Exercise aim: Take each line of the entries below that contains "contexts" and copy it.

--- Source material ---

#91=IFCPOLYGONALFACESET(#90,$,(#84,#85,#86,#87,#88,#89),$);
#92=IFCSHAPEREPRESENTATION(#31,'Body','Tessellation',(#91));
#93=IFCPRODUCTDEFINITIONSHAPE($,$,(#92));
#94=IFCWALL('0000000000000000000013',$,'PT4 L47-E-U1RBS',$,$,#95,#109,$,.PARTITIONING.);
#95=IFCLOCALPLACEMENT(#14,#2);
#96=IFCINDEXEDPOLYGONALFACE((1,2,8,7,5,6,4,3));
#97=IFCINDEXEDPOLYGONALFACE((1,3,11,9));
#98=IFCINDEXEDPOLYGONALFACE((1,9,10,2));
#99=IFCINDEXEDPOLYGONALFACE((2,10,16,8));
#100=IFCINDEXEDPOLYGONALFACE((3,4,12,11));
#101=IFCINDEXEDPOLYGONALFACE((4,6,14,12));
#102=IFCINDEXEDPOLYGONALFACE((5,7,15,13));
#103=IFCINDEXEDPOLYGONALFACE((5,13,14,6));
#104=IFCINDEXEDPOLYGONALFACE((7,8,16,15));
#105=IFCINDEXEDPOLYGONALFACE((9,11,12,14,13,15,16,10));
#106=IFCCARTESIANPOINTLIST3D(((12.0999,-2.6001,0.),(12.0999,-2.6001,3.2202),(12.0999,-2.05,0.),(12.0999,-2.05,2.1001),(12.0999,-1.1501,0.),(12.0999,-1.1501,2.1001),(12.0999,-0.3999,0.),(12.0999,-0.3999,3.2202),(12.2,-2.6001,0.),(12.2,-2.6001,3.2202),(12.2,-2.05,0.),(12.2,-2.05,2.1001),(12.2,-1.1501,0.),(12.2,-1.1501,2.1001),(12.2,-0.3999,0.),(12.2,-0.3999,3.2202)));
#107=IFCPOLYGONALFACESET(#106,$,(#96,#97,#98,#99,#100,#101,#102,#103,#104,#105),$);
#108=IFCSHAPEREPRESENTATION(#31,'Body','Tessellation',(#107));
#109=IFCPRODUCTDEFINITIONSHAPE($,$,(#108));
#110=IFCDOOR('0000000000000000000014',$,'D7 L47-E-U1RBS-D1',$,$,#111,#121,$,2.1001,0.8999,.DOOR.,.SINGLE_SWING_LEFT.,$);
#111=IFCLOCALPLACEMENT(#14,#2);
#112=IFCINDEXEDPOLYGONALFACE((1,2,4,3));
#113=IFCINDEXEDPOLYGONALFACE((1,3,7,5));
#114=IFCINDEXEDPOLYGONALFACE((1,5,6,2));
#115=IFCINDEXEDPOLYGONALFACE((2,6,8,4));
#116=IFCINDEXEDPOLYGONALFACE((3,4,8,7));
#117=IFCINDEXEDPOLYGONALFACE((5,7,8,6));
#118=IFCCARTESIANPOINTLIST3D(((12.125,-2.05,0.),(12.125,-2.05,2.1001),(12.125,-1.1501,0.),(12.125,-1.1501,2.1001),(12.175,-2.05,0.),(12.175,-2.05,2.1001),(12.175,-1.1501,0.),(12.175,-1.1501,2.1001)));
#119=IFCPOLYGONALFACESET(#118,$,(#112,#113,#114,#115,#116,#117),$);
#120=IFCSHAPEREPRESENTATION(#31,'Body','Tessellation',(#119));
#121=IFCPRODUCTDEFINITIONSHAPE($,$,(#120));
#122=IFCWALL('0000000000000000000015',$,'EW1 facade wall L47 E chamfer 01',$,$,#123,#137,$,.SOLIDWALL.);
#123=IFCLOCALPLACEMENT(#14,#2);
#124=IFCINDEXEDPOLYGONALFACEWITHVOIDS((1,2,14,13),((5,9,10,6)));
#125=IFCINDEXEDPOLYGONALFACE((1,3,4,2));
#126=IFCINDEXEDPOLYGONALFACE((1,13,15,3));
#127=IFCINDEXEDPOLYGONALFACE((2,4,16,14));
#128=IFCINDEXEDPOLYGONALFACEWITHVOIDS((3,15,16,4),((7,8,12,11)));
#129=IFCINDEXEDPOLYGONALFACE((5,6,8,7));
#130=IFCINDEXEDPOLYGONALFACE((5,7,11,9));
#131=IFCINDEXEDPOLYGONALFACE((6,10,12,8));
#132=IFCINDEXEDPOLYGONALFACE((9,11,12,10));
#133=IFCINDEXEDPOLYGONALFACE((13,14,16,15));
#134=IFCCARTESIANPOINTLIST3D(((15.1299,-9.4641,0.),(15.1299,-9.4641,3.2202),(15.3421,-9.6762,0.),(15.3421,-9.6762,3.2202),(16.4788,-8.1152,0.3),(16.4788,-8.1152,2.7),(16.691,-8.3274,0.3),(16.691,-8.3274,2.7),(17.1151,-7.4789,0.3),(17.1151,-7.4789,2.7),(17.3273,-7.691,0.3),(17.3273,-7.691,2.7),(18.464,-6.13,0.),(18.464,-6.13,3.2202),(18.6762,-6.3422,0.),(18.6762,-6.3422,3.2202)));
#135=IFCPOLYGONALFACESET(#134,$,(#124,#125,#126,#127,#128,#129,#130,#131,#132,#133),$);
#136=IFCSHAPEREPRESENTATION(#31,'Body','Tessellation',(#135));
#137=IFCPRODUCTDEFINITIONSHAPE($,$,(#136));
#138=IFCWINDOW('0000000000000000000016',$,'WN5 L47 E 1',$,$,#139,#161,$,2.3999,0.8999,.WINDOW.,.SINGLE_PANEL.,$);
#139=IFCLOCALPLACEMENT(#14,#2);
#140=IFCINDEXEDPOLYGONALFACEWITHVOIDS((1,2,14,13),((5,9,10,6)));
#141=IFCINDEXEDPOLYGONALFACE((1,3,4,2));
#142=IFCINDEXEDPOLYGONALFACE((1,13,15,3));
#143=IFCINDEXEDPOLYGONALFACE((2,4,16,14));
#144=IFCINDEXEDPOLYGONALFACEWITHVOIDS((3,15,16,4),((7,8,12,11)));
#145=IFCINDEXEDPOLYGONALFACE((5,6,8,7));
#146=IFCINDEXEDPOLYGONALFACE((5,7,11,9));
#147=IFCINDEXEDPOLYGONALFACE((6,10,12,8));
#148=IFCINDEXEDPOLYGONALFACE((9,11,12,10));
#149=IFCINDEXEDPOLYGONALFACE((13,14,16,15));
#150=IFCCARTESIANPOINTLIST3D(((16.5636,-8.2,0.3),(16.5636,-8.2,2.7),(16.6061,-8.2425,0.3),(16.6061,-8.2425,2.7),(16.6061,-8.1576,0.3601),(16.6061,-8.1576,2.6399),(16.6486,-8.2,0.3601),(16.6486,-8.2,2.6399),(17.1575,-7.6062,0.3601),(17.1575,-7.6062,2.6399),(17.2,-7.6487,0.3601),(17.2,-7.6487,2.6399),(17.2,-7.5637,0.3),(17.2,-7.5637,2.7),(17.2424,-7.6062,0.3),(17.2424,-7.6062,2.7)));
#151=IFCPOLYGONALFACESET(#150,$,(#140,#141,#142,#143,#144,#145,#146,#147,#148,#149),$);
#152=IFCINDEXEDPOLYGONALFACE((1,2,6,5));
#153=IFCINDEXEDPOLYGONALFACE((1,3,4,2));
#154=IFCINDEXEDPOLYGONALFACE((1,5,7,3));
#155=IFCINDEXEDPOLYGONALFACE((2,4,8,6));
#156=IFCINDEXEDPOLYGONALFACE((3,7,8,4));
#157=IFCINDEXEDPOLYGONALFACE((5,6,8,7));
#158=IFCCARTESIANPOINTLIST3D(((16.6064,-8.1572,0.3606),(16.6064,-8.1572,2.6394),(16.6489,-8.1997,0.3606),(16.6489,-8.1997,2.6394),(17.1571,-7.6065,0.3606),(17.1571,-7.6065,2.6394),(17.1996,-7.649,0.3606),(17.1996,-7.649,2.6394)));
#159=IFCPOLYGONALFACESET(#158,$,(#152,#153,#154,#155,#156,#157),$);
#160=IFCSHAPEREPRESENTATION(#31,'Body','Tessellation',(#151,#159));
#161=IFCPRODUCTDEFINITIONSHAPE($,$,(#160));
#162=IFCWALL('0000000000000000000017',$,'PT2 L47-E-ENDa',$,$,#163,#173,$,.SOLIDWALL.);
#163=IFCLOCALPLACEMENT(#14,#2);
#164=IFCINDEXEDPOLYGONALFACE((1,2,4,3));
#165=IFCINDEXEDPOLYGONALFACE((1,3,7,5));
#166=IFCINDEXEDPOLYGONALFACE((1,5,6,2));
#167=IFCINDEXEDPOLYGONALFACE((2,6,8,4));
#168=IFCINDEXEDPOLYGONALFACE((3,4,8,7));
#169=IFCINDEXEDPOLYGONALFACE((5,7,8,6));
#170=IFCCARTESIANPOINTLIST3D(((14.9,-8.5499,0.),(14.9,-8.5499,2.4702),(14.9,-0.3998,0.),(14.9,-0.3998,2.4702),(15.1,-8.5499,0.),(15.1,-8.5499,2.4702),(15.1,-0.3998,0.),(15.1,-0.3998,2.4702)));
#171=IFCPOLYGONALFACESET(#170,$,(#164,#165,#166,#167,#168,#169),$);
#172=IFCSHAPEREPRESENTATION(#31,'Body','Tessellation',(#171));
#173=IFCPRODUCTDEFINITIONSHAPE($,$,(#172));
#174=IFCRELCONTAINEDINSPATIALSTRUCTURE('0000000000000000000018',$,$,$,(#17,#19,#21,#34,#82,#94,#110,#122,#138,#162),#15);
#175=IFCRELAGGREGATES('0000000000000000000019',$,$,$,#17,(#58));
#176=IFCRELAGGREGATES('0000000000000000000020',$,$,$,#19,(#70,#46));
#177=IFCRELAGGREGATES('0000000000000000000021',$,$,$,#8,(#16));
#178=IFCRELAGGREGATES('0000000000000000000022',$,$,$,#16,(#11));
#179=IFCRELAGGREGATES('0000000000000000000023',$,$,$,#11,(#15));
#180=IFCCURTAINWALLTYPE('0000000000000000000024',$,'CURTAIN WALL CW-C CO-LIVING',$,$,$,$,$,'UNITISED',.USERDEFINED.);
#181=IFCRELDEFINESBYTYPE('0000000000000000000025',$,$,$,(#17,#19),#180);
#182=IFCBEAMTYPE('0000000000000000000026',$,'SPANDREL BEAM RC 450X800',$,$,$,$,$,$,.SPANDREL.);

---
--- Source material ---

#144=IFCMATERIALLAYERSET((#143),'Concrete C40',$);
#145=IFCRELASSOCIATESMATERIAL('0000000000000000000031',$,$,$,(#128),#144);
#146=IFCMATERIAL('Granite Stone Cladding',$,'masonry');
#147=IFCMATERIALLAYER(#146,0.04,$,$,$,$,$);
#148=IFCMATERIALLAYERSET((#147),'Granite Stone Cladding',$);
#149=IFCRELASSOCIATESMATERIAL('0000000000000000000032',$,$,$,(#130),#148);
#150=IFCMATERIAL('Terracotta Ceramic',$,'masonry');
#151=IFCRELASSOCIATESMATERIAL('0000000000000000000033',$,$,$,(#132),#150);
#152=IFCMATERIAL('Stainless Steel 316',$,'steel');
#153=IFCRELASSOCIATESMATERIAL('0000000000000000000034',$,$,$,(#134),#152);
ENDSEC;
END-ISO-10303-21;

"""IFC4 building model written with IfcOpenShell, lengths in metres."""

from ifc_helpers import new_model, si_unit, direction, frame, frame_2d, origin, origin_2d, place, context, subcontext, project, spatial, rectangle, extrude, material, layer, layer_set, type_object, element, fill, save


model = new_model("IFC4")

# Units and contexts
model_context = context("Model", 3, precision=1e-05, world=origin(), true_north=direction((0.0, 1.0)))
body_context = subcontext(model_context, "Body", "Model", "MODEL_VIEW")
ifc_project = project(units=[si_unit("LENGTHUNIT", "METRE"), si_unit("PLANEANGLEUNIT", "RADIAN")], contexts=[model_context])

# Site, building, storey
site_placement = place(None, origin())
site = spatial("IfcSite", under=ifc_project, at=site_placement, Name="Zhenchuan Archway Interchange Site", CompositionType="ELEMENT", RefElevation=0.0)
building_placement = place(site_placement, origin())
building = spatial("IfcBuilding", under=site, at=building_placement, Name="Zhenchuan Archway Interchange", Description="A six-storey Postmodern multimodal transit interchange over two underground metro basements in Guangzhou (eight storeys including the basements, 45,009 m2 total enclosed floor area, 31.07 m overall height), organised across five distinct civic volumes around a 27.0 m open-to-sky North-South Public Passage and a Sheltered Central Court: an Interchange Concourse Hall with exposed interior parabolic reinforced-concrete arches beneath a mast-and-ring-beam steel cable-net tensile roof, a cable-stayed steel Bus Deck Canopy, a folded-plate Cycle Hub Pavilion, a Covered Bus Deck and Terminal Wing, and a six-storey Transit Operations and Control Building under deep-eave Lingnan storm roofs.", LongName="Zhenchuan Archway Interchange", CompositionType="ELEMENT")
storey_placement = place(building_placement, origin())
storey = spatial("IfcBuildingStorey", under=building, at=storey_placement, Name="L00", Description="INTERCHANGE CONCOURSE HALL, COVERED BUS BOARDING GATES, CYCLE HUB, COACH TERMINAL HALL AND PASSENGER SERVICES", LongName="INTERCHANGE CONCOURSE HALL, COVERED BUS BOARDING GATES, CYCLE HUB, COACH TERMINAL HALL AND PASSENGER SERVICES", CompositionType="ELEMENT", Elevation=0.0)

---

Answer box:
# Units and contexts
ifc_project = project(units=[si_unit("LENGTHUNIT", "METRE"), si_unit("PLANEANGLEUNIT", "RADIAN")], contexts=[model_context])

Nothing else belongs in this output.